**Exercise description**. Please copy out every line in the records below that includes the word "ElementType".

Source material Block Start

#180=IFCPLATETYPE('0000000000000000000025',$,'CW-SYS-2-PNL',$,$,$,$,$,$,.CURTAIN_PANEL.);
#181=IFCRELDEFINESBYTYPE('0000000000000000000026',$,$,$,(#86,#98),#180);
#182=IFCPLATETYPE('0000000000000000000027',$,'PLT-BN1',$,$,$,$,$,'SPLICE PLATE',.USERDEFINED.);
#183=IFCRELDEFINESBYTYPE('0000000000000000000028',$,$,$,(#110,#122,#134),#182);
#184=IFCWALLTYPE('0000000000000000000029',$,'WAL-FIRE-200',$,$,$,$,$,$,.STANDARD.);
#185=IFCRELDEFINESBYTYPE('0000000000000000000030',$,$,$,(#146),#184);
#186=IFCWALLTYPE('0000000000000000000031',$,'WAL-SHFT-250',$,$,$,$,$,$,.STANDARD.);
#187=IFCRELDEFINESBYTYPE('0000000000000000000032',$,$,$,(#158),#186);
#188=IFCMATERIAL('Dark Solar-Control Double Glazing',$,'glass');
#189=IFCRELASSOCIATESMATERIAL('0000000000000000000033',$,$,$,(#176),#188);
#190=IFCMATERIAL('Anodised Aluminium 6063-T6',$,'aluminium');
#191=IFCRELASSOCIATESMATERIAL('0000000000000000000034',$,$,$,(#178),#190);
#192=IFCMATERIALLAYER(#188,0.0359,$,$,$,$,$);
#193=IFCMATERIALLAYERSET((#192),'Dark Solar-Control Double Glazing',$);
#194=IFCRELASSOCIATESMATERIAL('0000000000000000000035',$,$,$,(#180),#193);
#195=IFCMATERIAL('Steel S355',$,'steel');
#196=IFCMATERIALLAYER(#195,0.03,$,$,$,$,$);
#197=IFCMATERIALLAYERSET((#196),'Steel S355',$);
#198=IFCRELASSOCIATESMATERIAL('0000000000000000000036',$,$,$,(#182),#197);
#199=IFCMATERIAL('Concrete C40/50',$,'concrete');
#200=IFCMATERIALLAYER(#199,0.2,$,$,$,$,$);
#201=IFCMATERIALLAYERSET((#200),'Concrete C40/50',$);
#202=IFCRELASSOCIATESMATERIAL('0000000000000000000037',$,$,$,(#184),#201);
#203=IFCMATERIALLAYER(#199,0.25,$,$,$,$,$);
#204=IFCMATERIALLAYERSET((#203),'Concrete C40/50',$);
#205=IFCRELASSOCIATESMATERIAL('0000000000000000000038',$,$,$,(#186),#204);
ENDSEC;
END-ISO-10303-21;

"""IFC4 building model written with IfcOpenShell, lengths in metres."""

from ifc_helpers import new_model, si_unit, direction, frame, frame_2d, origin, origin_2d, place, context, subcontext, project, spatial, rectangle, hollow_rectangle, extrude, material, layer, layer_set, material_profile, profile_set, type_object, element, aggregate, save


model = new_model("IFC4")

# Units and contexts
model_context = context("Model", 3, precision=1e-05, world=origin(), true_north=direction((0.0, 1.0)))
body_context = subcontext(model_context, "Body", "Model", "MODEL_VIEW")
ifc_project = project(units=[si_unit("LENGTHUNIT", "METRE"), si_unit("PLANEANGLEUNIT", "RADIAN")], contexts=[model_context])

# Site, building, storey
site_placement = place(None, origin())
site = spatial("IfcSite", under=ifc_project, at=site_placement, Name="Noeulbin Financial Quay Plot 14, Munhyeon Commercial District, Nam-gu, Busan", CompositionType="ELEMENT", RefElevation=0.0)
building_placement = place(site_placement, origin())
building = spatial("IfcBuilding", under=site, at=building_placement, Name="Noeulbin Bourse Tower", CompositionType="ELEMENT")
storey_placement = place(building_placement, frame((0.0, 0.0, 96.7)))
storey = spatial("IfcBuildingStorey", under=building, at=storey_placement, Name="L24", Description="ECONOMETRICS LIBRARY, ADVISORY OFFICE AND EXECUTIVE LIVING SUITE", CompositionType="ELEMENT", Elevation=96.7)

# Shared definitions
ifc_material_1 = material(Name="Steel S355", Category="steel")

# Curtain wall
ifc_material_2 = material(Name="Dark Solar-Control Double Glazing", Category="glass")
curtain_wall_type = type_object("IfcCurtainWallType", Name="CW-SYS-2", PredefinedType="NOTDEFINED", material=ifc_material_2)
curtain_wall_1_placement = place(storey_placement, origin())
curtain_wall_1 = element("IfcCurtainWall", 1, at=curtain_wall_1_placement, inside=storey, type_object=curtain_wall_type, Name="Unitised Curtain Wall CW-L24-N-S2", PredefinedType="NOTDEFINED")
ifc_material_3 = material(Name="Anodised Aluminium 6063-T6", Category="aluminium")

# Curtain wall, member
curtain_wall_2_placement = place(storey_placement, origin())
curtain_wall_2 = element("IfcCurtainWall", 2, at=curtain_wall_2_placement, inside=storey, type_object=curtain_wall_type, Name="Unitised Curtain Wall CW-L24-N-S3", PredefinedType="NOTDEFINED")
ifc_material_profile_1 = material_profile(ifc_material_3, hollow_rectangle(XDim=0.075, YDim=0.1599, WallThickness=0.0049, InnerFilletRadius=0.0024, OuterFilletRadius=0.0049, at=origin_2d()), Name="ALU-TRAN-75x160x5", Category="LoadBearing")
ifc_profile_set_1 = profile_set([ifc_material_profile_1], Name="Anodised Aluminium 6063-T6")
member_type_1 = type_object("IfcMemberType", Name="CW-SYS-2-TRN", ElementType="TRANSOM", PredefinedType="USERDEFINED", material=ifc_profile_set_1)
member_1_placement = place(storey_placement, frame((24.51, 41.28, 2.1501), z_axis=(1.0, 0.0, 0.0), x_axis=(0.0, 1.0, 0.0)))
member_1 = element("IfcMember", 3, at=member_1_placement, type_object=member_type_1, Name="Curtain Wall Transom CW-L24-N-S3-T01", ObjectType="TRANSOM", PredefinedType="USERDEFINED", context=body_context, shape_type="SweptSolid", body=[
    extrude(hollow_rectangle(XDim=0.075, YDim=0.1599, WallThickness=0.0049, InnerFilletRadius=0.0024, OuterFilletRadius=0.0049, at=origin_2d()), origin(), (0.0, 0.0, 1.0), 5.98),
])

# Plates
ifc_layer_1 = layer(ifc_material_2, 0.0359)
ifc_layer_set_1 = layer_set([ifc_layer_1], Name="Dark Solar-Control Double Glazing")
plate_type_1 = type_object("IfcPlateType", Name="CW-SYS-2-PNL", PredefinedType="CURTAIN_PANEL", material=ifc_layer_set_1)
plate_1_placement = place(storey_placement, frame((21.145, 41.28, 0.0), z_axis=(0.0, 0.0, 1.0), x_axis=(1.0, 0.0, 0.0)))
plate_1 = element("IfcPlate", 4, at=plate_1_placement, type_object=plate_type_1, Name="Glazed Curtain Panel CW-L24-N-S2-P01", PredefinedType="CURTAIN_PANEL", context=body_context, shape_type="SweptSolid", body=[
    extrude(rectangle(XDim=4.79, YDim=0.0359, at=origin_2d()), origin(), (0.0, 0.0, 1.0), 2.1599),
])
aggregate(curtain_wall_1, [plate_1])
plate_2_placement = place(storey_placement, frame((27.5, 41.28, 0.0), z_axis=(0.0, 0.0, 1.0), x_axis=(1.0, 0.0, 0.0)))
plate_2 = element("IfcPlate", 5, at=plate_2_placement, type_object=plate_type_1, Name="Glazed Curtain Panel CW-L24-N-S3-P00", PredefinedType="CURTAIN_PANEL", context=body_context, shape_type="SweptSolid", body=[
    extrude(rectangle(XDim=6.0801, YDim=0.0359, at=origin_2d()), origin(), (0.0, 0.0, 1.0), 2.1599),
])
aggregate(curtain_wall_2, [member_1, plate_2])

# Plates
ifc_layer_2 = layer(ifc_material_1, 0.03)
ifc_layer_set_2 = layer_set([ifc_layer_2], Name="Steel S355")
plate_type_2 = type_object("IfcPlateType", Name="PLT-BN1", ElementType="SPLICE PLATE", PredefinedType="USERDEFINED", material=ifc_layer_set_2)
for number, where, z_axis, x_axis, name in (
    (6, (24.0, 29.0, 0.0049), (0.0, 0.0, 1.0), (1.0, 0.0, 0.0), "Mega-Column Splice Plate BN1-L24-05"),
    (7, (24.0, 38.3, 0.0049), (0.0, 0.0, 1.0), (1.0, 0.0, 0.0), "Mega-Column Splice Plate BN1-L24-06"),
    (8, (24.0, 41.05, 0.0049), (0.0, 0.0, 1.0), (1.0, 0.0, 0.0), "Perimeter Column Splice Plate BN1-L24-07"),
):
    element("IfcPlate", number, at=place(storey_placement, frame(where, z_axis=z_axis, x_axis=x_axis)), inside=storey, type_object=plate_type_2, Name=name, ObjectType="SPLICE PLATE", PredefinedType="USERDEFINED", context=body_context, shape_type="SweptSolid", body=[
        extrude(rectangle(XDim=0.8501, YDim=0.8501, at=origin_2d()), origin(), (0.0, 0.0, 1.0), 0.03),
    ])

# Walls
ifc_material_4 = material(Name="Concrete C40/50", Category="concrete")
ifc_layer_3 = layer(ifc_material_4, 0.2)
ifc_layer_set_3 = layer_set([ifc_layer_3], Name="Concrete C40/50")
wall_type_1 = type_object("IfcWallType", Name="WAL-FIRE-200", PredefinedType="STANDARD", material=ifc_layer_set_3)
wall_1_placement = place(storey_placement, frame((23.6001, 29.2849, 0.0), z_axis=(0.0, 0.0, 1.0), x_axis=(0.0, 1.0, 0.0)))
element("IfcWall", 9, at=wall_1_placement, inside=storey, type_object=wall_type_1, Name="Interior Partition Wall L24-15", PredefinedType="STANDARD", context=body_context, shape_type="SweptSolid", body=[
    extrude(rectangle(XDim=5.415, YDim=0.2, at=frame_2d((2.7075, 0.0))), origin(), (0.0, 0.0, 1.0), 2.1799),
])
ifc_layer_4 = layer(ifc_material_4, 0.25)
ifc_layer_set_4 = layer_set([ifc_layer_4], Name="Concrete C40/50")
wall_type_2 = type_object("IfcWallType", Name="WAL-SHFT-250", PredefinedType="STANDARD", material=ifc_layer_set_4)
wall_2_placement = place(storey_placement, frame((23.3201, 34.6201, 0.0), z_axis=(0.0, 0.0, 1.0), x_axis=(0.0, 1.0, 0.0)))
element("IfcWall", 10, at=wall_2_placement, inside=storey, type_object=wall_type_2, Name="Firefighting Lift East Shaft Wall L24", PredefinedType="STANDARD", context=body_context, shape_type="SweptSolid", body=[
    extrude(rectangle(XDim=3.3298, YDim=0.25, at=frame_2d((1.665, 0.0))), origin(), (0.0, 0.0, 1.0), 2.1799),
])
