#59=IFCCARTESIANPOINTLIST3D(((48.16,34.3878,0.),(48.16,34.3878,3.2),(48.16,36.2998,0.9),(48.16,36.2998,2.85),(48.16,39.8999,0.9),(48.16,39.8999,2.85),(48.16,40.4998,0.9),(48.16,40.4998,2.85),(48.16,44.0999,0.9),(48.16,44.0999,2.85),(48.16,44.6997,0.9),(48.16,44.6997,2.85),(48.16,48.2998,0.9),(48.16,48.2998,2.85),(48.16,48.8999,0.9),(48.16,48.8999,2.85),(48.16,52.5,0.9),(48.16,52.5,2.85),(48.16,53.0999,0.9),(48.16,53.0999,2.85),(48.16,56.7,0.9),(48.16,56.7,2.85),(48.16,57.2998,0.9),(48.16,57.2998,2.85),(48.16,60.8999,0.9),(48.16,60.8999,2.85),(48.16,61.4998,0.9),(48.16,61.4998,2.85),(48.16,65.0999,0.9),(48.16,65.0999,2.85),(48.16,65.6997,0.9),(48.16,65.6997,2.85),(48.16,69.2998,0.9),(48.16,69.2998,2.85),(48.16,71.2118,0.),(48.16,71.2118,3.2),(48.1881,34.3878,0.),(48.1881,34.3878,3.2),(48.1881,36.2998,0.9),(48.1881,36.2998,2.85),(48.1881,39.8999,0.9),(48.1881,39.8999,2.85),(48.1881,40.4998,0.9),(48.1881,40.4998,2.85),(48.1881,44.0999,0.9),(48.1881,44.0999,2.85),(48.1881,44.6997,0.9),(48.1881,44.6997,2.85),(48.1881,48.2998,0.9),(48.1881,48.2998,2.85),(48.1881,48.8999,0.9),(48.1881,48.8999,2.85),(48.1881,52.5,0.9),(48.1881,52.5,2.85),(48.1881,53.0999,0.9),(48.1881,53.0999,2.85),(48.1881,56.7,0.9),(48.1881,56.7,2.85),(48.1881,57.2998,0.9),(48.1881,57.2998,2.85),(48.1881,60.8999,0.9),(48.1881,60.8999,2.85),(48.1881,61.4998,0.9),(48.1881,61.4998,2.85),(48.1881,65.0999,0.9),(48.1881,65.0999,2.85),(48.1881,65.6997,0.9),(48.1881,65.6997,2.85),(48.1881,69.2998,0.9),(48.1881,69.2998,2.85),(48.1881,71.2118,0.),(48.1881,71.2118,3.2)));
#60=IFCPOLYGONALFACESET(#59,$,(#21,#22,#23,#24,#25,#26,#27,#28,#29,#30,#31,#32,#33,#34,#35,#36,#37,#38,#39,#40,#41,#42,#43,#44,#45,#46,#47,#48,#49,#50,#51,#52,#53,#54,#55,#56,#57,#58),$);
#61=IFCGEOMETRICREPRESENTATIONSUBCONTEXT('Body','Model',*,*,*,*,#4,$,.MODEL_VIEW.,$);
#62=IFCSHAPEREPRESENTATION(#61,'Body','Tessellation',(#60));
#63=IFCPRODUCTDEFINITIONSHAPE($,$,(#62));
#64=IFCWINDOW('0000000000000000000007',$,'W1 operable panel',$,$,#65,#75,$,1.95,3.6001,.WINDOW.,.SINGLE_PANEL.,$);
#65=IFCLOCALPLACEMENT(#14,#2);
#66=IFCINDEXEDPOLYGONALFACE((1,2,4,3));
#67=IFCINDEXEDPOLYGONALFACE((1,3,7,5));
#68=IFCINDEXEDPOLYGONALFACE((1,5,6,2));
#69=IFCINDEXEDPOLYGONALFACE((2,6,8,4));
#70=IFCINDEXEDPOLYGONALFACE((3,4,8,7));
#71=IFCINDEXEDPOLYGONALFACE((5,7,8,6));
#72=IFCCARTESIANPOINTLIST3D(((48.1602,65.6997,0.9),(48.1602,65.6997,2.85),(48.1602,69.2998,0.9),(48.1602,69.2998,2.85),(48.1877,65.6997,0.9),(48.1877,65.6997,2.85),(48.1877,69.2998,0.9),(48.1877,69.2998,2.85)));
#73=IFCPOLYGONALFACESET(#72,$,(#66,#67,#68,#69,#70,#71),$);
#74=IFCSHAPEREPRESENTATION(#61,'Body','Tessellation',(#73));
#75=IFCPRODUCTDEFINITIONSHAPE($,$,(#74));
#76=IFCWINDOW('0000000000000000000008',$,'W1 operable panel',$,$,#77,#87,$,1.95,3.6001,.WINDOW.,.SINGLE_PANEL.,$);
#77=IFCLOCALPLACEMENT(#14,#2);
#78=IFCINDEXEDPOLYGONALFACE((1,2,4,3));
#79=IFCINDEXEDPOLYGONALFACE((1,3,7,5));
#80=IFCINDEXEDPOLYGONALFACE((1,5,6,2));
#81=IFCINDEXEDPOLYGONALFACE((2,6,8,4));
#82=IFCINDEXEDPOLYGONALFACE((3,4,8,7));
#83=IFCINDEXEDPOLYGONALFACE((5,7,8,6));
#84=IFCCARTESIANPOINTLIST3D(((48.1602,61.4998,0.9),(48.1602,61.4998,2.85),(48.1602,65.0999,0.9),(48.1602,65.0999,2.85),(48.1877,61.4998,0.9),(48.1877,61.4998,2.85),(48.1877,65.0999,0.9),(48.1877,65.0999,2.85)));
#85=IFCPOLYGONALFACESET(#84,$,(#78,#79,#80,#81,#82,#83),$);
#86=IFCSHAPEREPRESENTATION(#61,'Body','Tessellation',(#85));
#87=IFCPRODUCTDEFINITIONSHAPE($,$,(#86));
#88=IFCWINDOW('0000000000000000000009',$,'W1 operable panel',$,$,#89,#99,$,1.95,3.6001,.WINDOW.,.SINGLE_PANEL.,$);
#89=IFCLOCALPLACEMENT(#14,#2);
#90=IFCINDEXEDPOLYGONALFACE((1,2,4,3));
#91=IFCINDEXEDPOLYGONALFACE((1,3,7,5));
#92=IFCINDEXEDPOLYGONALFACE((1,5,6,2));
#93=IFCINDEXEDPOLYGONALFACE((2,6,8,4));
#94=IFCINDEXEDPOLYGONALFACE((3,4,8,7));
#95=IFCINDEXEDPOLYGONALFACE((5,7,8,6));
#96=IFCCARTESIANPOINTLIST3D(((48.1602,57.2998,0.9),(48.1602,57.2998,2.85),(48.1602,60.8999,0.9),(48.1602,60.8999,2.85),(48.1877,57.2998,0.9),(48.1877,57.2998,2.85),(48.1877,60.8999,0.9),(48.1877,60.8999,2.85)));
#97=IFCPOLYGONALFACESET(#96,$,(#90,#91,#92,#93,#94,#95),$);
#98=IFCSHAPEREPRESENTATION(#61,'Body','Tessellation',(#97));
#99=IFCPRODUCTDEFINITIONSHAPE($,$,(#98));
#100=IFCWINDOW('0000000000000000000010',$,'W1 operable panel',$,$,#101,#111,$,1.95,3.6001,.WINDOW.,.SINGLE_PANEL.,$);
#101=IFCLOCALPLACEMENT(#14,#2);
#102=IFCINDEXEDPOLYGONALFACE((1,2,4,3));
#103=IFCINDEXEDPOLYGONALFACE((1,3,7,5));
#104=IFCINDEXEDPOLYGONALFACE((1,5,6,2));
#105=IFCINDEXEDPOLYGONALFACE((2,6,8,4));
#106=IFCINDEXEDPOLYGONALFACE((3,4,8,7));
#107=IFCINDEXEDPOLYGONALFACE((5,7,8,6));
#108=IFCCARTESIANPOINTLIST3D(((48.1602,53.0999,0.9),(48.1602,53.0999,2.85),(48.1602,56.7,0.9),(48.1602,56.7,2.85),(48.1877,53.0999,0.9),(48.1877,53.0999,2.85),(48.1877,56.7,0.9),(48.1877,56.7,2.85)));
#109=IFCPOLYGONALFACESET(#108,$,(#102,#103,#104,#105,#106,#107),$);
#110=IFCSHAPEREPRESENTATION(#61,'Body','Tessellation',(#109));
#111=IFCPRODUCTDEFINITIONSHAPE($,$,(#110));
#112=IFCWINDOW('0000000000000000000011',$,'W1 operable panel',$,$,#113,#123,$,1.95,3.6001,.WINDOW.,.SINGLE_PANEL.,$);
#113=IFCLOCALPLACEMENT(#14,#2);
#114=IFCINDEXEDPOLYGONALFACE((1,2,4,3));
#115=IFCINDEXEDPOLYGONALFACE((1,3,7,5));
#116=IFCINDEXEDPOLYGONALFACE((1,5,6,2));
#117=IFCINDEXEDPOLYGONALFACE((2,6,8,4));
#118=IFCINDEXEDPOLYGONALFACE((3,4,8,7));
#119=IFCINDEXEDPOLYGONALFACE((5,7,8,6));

Source material Block End

**Solution to the exercise**.
member_type_1 = type_object("IfcMemberType", Name="CW-SYS-2-TRN", ElementType="TRANSOM", PredefinedType="USERDEFINED", material=ifc_profile_set_1)
plate_type_2 = type_object("IfcPlateType", Name="PLT-BN1", ElementType="SPLICE PLATE", PredefinedType="USERDEFINED", material=ifc_layer_set_2)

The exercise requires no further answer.